EXERCISE GOAL:
Extract all lines that hold "YDim" from the records below.

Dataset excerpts
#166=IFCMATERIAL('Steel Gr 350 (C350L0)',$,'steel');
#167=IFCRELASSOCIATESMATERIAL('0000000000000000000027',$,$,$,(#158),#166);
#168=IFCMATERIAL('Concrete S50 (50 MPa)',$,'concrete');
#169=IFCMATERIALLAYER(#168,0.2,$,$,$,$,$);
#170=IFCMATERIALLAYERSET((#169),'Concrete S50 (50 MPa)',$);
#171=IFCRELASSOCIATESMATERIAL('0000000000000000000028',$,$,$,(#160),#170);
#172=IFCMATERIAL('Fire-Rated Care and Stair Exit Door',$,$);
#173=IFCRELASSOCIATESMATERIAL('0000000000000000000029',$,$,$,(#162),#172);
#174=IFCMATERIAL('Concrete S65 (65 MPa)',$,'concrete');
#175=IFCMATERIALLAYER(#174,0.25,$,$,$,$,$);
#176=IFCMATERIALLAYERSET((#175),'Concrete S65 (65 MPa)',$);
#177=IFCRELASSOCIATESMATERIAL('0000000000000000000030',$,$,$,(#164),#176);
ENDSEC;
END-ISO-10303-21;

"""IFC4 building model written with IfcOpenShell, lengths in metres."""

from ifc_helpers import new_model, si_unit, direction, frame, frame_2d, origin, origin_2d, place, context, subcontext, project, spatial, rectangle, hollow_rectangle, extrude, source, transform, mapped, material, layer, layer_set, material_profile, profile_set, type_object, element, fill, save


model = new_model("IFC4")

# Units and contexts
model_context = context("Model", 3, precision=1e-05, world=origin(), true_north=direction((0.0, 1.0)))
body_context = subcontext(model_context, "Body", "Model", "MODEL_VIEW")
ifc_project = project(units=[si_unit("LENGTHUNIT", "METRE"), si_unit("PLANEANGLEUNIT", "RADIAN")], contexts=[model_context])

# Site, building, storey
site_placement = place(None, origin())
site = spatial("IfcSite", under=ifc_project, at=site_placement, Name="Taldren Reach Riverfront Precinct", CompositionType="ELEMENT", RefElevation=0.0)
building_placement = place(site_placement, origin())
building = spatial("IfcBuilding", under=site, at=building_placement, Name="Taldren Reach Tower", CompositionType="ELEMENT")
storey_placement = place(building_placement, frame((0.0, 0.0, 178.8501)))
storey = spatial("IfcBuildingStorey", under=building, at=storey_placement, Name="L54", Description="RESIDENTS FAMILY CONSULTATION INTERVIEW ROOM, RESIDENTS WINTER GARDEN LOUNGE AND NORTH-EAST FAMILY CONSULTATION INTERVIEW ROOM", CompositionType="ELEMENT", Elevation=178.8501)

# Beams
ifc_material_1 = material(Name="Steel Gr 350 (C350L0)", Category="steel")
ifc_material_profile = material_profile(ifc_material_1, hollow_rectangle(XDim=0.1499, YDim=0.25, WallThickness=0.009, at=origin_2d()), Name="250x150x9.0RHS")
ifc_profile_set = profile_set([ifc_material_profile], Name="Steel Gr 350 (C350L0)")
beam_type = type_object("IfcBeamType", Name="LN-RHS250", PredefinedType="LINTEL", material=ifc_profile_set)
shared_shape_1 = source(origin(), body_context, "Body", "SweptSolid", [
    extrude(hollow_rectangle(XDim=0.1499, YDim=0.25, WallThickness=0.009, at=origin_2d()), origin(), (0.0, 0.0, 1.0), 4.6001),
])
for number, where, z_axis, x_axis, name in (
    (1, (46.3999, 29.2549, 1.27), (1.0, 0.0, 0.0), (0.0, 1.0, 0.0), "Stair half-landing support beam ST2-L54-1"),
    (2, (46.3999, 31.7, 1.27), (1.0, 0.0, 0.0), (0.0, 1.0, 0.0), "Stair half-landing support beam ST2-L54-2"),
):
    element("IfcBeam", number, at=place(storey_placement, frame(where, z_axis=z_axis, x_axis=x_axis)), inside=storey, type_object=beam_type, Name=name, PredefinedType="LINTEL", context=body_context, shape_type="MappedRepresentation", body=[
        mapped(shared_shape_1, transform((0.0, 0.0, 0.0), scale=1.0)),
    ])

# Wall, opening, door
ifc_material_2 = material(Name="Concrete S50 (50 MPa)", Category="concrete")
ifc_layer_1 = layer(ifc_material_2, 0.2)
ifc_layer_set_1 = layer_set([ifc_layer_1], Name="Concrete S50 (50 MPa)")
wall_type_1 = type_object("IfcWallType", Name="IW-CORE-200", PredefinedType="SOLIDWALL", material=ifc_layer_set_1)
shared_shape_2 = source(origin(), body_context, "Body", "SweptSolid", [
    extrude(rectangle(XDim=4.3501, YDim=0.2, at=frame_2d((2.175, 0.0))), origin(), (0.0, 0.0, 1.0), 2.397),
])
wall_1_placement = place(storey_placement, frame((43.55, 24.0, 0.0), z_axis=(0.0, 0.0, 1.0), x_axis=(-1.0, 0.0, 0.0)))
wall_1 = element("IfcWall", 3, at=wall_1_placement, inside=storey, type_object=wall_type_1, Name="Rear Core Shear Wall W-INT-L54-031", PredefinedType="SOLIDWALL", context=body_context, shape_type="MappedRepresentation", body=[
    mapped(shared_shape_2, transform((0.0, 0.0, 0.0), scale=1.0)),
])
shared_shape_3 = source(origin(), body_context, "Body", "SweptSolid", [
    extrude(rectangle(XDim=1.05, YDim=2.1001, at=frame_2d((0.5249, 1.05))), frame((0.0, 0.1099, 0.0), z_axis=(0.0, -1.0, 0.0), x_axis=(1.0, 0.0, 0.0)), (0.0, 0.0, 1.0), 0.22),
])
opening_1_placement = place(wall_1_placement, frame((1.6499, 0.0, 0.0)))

PROBLEM SOLUTION:
ifc_material_profile = material_profile(ifc_material_1, hollow_rectangle(XDim=0.1499, YDim=0.25, WallThickness=0.009, at=origin_2d()), Name="250x150x9.0RHS")
    extrude(hollow_rectangle(XDim=0.1499, YDim=0.25, WallThickness=0.009, at=origin_2d()), origin(), (0.0, 0.0, 1.0), 4.6001),
    extrude(rectangle(XDim=4.3501, YDim=0.2, at=frame_2d((2.175, 0.0))), origin(), (0.0, 0.0, 1.0), 2.397),
    extrude(rectangle(XDim=1.05, YDim=2.1001, at=frame_2d((0.5249, 1.05))), frame((0.0, 0.1099, 0.0), z_axis=(0.0, -1.0, 0.0), x_axis=(1.0, 0.0, 0.0)), (0.0, 0.0, 1.0), 0.22),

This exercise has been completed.